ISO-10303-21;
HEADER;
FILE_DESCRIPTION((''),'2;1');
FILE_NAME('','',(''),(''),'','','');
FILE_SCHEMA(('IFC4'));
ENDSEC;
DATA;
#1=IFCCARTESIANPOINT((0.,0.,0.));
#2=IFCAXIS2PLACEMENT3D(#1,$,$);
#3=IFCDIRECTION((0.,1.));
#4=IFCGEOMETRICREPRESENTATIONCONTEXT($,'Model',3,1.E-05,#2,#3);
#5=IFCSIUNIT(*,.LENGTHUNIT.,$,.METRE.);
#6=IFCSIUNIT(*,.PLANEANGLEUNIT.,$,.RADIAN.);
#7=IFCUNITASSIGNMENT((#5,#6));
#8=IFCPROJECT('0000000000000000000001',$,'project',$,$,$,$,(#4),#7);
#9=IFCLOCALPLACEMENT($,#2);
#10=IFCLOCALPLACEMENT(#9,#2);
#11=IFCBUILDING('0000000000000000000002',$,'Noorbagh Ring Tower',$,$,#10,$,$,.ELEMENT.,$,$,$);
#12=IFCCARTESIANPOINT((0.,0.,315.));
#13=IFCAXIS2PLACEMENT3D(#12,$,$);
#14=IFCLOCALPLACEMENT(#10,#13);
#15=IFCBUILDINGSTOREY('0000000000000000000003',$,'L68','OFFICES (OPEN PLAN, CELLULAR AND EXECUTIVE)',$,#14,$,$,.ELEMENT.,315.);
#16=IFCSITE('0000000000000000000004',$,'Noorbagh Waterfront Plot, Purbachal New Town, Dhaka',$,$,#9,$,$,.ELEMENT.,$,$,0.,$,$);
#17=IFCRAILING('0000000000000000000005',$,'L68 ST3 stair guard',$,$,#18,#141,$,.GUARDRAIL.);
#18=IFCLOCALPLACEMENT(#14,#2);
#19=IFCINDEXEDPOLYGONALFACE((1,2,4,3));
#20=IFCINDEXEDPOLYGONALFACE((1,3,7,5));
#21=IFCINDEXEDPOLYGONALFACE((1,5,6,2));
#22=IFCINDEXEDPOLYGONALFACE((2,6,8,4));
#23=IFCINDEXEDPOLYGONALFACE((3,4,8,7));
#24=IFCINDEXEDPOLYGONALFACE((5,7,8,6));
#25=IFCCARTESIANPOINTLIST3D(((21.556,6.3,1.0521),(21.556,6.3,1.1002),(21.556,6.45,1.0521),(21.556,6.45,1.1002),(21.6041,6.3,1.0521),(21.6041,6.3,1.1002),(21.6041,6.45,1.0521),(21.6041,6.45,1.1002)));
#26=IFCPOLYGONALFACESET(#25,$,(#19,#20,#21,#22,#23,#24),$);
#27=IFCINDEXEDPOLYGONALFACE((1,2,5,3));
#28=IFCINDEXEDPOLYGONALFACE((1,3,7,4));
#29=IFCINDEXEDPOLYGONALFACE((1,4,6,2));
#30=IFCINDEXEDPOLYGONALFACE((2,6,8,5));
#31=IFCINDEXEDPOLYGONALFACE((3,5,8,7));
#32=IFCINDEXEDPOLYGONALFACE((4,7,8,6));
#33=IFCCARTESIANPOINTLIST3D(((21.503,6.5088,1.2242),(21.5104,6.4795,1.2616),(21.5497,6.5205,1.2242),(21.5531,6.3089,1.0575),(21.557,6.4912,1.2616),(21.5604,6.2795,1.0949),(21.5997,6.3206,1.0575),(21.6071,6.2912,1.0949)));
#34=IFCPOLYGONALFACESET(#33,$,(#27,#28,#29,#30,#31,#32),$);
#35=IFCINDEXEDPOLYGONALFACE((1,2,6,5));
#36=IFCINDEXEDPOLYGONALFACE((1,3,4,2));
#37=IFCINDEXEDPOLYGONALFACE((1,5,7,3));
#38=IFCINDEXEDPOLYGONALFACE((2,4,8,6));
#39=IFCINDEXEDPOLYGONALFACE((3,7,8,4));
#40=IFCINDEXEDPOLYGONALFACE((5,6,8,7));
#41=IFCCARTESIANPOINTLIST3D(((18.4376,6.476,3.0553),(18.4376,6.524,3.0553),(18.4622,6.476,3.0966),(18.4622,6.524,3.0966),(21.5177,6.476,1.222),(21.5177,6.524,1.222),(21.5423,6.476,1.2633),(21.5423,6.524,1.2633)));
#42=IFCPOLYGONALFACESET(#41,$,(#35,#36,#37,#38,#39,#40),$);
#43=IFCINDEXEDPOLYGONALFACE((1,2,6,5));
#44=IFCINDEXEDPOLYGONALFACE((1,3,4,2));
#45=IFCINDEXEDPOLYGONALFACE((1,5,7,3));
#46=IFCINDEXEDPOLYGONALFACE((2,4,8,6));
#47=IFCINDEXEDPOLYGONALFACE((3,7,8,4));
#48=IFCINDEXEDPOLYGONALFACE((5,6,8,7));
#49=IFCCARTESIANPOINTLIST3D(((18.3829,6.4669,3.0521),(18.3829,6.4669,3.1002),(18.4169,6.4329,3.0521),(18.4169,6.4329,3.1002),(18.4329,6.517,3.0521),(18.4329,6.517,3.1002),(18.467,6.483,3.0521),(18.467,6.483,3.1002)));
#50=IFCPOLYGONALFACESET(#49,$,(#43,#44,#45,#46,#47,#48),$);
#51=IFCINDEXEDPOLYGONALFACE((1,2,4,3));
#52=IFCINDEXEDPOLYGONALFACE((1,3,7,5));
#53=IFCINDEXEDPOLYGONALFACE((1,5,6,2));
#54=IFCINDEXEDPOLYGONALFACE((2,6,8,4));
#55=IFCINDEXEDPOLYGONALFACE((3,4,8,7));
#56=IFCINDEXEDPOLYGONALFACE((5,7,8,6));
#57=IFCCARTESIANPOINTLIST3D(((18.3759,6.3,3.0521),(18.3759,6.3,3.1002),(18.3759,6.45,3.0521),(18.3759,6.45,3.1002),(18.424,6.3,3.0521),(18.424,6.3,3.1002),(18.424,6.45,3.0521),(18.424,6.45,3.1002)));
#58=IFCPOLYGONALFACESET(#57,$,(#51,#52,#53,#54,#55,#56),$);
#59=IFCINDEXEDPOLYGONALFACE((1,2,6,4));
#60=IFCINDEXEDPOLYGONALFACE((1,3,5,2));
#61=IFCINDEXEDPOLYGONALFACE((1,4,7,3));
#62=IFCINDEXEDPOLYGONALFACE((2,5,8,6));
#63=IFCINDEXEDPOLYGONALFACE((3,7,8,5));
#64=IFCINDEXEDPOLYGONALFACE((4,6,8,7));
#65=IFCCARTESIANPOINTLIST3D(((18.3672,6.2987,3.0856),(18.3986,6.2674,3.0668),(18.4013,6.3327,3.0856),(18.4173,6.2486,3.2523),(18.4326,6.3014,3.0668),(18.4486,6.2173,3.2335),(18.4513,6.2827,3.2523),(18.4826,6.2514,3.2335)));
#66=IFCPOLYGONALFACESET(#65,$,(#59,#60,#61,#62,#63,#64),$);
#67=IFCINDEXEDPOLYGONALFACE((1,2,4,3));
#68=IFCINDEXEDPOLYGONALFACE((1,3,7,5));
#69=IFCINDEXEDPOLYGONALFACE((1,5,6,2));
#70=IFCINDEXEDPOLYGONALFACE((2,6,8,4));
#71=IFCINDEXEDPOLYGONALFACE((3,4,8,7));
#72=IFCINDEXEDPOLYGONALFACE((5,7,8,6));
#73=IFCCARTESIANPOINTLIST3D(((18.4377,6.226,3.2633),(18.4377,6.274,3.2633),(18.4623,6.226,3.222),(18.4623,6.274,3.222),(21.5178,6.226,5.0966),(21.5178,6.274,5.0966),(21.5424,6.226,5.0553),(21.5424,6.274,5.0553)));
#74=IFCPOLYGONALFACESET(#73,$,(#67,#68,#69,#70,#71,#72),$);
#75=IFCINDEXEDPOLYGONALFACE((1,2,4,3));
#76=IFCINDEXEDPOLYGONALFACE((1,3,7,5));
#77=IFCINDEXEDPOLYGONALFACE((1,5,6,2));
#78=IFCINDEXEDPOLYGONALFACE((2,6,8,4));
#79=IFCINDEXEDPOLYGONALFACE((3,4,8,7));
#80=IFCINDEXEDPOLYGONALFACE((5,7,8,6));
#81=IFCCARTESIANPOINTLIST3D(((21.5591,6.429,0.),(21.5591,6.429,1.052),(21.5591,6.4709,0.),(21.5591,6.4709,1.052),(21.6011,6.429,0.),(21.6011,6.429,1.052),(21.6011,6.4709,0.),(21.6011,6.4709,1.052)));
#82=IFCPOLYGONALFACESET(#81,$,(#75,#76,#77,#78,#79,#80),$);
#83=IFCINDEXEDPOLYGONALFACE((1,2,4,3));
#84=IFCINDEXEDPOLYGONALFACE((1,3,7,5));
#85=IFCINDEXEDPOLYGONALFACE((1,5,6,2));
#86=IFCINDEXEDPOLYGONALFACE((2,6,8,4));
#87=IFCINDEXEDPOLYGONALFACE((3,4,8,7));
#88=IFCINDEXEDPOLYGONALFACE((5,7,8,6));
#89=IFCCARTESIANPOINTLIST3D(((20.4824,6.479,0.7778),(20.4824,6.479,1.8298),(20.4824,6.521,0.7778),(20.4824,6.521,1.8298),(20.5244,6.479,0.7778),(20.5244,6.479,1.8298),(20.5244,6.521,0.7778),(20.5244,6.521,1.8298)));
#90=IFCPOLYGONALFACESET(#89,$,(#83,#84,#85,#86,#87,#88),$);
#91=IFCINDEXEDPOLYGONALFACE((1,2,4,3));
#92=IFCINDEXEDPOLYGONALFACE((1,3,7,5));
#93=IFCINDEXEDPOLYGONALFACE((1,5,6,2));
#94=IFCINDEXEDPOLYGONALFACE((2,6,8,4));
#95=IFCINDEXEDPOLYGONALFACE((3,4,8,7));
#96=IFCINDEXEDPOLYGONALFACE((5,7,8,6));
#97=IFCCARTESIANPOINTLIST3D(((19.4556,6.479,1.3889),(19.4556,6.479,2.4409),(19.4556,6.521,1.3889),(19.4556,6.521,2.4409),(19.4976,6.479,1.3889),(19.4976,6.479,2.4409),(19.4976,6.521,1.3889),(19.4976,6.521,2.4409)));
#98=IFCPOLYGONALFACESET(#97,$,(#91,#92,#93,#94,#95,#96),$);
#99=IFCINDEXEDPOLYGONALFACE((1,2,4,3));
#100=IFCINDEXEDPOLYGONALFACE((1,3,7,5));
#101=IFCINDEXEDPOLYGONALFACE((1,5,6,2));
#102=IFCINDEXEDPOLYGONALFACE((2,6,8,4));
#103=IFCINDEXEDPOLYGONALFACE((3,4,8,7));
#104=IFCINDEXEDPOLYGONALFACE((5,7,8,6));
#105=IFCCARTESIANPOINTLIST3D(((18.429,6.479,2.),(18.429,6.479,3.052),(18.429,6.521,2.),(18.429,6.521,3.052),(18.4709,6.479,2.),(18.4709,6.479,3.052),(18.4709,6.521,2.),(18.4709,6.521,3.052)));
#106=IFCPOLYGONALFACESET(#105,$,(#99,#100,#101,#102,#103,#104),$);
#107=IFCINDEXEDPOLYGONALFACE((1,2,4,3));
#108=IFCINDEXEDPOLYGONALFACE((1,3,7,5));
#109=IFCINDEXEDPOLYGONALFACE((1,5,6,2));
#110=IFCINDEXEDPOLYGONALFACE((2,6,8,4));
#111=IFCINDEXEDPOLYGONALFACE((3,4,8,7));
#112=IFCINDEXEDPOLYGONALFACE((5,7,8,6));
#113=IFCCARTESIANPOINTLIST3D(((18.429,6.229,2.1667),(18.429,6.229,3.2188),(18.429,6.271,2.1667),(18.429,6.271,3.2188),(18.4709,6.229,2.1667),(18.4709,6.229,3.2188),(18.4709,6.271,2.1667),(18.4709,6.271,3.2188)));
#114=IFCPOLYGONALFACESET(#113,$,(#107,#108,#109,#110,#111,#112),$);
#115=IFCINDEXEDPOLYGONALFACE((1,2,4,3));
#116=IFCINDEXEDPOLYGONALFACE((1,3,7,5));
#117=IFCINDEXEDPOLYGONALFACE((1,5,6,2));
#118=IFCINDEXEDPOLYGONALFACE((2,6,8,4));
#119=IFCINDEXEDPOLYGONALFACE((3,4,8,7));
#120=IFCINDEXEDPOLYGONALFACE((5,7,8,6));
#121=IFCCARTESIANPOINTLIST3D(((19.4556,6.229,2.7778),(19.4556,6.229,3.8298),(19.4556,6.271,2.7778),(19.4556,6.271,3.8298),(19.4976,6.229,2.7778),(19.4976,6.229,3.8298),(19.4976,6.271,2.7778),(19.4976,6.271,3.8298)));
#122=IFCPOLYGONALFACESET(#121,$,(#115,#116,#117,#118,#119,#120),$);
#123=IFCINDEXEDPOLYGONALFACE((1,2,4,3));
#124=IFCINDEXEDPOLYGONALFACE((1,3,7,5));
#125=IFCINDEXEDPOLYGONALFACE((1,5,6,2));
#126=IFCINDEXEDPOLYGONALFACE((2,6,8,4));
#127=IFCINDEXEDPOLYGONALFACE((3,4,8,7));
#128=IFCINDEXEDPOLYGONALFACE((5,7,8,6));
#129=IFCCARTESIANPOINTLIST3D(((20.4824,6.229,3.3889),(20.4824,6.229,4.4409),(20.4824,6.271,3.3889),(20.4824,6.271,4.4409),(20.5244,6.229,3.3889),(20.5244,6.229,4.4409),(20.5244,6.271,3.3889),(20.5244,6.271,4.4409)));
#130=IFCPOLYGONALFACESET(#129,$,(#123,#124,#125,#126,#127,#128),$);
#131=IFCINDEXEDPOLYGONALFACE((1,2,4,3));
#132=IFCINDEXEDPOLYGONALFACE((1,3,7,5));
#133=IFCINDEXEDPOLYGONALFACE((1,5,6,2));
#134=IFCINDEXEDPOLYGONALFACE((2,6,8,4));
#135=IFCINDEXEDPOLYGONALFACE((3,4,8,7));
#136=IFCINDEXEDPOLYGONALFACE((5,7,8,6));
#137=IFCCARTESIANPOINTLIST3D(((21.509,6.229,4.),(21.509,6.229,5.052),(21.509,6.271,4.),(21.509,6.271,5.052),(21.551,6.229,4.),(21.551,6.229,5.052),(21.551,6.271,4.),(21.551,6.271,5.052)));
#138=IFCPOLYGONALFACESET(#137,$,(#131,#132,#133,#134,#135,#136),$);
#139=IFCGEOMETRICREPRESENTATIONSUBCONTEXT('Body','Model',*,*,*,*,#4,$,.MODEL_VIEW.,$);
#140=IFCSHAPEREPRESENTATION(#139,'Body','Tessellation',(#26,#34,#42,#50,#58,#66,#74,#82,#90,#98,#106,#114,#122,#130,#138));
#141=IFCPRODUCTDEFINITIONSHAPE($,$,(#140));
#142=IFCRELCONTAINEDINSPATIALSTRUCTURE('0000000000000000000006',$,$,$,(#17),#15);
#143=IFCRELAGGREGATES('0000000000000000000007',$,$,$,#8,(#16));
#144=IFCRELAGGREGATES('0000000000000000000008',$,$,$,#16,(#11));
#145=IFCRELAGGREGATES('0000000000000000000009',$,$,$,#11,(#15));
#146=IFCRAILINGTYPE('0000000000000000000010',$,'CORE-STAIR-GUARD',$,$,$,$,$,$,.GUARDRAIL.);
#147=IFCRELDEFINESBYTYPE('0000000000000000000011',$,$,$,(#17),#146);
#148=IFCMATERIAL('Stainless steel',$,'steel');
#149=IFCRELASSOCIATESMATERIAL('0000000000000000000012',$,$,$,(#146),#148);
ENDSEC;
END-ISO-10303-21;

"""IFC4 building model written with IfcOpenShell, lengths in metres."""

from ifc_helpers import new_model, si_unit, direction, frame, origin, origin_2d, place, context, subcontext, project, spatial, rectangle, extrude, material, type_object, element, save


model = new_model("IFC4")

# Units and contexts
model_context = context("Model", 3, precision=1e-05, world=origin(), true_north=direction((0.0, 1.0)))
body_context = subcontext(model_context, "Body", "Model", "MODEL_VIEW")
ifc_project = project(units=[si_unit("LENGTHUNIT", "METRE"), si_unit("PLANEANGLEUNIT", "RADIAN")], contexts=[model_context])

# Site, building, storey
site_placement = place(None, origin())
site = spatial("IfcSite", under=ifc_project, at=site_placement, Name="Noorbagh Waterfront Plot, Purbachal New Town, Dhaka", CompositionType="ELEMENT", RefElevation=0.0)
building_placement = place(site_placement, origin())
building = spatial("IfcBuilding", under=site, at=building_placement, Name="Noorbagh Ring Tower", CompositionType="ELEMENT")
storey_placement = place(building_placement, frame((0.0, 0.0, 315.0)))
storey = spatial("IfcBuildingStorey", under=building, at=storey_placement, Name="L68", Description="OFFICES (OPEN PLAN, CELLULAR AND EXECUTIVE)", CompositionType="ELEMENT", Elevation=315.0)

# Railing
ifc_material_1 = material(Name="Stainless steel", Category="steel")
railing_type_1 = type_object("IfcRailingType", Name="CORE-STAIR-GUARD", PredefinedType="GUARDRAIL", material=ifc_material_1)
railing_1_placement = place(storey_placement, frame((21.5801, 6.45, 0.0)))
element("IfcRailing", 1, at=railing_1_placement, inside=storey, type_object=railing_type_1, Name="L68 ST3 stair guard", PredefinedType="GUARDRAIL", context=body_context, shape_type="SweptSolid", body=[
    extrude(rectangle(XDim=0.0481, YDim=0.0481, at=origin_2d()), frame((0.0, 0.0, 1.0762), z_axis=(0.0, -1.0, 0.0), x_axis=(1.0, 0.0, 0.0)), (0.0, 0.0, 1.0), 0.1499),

_Work order_: If a line in the entries contains "IFCSIUNIT", copy it.

_Output of the task_:
#5=IFCSIUNIT(*,.LENGTHUNIT.,$,.METRE.);
#6=IFCSIUNIT(*,.PLANEANGLEUNIT.,$,.RADIAN.);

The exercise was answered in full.